Your assignment:
Below is a block of records. Copy every line in it that contains the word "Body".

Dataset:
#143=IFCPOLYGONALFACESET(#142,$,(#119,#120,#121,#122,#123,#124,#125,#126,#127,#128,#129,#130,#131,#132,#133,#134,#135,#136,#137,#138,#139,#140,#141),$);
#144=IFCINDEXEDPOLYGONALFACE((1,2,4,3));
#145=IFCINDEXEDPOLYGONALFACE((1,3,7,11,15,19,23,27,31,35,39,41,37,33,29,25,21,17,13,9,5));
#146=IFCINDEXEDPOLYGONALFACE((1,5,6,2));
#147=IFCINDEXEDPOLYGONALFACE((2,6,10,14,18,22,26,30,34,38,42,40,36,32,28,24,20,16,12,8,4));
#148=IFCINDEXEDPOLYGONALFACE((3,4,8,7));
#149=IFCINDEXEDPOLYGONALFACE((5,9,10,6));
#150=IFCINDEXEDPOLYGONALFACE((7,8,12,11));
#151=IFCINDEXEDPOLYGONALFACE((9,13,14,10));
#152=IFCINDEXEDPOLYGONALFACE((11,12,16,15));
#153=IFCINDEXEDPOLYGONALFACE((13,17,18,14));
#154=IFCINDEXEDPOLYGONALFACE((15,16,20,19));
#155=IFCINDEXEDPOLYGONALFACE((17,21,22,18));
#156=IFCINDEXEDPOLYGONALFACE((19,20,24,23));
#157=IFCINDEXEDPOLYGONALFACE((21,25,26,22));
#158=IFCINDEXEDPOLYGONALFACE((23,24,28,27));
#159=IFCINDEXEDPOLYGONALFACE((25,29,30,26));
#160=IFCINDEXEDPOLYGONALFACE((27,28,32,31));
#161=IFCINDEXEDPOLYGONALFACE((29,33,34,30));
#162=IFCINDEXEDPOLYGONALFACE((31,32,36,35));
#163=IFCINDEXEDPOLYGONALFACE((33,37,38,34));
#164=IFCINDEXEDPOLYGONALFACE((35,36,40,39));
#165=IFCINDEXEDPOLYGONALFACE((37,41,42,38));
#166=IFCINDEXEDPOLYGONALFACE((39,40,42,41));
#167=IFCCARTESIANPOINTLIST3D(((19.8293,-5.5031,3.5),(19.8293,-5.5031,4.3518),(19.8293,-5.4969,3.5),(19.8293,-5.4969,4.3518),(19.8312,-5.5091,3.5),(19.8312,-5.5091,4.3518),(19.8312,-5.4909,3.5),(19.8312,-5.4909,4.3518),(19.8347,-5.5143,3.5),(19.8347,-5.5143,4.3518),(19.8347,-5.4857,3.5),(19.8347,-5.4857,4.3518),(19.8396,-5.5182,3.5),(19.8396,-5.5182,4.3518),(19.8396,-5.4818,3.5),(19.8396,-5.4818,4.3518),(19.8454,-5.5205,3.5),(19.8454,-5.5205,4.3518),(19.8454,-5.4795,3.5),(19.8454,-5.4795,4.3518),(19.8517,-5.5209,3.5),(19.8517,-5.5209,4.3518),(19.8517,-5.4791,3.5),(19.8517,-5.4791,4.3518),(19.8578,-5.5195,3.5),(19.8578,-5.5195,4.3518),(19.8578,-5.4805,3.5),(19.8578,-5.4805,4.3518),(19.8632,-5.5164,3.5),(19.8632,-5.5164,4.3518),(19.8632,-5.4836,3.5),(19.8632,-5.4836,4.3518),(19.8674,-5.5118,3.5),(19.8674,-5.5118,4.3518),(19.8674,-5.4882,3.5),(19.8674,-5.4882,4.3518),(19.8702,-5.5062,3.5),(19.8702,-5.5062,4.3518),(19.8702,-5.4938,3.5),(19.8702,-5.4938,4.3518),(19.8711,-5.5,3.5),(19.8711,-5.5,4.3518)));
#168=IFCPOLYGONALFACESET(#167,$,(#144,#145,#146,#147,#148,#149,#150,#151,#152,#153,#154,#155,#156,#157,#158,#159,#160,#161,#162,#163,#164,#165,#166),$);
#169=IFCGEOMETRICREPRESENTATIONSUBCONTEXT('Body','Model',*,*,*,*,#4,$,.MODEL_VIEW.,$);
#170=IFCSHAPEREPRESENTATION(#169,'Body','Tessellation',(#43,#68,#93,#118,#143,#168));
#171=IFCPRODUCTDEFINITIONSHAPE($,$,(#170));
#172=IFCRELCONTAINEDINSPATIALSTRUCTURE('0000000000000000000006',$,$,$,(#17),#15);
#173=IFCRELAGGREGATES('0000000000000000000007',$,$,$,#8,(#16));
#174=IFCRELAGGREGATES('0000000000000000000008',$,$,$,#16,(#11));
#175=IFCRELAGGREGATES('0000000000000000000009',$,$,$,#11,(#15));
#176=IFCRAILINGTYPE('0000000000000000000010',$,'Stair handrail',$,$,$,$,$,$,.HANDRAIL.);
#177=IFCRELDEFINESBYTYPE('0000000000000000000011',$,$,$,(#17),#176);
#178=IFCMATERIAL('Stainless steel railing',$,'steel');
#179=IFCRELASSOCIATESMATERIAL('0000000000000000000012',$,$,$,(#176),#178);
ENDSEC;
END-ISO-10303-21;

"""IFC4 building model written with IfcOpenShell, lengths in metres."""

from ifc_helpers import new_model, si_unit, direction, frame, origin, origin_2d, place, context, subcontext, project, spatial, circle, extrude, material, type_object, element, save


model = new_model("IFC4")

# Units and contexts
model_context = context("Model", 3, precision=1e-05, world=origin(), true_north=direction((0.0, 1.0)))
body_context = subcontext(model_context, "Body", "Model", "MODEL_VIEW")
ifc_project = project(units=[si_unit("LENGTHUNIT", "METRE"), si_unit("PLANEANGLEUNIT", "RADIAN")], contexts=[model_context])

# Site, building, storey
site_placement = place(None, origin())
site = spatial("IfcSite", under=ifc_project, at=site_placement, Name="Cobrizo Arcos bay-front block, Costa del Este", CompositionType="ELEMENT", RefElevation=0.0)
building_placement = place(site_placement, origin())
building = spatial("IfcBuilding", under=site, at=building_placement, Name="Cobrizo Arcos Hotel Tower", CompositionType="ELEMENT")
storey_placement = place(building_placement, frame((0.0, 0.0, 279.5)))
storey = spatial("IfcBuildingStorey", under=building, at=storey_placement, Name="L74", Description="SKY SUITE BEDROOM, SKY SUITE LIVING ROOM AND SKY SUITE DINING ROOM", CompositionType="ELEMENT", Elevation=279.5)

* * *

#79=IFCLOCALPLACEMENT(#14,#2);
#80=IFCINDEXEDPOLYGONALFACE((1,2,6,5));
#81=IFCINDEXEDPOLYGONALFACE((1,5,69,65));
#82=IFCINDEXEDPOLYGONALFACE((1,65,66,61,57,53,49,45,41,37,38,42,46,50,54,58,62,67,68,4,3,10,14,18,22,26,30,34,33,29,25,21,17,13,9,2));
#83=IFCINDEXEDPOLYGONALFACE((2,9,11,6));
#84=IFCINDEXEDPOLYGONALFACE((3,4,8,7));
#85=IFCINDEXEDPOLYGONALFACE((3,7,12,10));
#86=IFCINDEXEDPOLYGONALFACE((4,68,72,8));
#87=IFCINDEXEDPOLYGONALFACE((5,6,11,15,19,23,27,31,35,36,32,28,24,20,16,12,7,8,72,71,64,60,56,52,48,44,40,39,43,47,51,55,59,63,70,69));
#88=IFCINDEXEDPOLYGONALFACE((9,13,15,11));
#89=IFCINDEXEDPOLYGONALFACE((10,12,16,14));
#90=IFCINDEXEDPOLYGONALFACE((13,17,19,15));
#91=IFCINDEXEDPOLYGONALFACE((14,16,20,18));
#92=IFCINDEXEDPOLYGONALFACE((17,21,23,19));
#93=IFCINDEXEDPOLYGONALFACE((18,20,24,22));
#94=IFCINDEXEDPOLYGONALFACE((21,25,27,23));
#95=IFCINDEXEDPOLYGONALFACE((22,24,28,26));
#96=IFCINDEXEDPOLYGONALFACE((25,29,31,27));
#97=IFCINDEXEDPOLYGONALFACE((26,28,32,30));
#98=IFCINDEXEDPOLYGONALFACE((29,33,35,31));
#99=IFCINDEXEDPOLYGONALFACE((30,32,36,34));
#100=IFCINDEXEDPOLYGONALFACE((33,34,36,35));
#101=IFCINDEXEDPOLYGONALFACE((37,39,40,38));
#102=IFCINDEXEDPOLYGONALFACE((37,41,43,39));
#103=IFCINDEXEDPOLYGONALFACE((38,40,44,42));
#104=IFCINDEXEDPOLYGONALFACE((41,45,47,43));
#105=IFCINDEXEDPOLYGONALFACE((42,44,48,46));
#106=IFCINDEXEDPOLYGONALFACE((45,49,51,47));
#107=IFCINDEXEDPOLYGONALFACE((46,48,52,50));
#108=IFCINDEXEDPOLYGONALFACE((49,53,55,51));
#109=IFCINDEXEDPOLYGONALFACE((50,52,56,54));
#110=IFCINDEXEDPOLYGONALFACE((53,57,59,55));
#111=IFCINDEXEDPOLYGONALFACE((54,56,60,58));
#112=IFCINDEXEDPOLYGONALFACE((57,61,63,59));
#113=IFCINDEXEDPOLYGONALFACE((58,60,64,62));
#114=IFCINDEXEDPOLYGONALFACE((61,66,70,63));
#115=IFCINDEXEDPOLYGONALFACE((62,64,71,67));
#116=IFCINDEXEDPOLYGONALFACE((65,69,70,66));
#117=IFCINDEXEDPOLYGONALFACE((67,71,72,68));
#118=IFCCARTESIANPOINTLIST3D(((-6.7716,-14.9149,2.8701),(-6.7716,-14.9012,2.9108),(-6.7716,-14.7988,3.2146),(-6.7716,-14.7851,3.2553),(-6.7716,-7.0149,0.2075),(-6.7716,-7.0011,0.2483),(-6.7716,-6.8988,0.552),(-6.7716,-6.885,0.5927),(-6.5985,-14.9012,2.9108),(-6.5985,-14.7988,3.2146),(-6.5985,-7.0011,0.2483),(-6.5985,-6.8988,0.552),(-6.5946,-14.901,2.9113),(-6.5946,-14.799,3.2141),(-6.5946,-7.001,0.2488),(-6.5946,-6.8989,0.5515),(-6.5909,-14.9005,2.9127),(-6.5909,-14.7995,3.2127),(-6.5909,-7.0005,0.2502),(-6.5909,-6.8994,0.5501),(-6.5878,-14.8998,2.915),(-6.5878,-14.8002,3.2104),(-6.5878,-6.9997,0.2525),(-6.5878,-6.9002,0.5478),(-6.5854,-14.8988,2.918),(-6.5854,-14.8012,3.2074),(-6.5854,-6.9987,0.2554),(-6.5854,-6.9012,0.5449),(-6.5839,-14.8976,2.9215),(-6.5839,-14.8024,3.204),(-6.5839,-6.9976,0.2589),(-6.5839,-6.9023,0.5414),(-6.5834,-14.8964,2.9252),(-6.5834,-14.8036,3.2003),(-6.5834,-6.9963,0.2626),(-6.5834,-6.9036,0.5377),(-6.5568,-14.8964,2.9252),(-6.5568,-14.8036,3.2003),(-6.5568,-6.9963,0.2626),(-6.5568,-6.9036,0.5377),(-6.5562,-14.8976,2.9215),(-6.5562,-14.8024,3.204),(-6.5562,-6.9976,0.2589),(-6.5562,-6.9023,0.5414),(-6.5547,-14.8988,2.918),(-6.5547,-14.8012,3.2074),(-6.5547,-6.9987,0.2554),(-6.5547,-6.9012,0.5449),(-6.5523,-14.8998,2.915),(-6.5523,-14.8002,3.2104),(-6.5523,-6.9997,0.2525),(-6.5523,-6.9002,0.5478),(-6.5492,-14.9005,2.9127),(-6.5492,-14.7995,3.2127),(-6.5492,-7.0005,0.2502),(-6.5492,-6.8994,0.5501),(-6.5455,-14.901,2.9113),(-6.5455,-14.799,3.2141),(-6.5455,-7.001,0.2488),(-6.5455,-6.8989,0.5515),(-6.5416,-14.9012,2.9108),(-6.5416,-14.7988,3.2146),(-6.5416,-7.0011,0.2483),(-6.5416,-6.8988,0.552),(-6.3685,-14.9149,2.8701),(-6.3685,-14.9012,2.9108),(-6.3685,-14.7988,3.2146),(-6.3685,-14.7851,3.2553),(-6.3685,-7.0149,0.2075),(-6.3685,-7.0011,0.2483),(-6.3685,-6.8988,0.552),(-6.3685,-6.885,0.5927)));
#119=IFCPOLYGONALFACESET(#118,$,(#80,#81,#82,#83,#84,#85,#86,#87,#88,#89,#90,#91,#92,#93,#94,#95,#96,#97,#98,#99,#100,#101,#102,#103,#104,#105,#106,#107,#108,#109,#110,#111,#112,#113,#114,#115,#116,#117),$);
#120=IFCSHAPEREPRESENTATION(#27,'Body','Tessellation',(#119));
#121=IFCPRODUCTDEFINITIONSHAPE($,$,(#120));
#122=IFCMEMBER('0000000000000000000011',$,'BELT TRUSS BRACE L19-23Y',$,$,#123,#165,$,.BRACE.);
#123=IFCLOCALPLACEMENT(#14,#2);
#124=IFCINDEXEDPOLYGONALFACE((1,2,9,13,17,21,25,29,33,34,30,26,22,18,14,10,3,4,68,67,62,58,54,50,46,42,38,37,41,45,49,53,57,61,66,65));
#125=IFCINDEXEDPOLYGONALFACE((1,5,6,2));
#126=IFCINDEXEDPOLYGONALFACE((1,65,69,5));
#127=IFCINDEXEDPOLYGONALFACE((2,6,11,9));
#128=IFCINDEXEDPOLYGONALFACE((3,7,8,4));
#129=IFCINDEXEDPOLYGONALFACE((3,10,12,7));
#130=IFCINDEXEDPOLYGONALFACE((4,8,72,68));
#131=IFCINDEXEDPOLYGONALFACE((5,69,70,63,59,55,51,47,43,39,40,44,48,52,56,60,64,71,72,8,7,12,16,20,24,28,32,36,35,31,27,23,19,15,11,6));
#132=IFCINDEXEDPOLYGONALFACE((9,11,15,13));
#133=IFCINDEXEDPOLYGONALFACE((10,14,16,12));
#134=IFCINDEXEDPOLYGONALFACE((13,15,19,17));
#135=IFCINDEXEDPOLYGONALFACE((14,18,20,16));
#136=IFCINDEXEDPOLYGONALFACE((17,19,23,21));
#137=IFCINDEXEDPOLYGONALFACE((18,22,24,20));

Output for this exercise:
#169=IFCGEOMETRICREPRESENTATIONSUBCONTEXT('Body','Model',*,*,*,*,#4,$,.MODEL_VIEW.,$);
#170=IFCSHAPEREPRESENTATION(#169,'Body','Tessellation',(#43,#68,#93,#118,#143,#168));
body_context = subcontext(model_context, "Body", "Model", "MODEL_VIEW")
#120=IFCSHAPEREPRESENTATION(#27,'Body','Tessellation',(#119));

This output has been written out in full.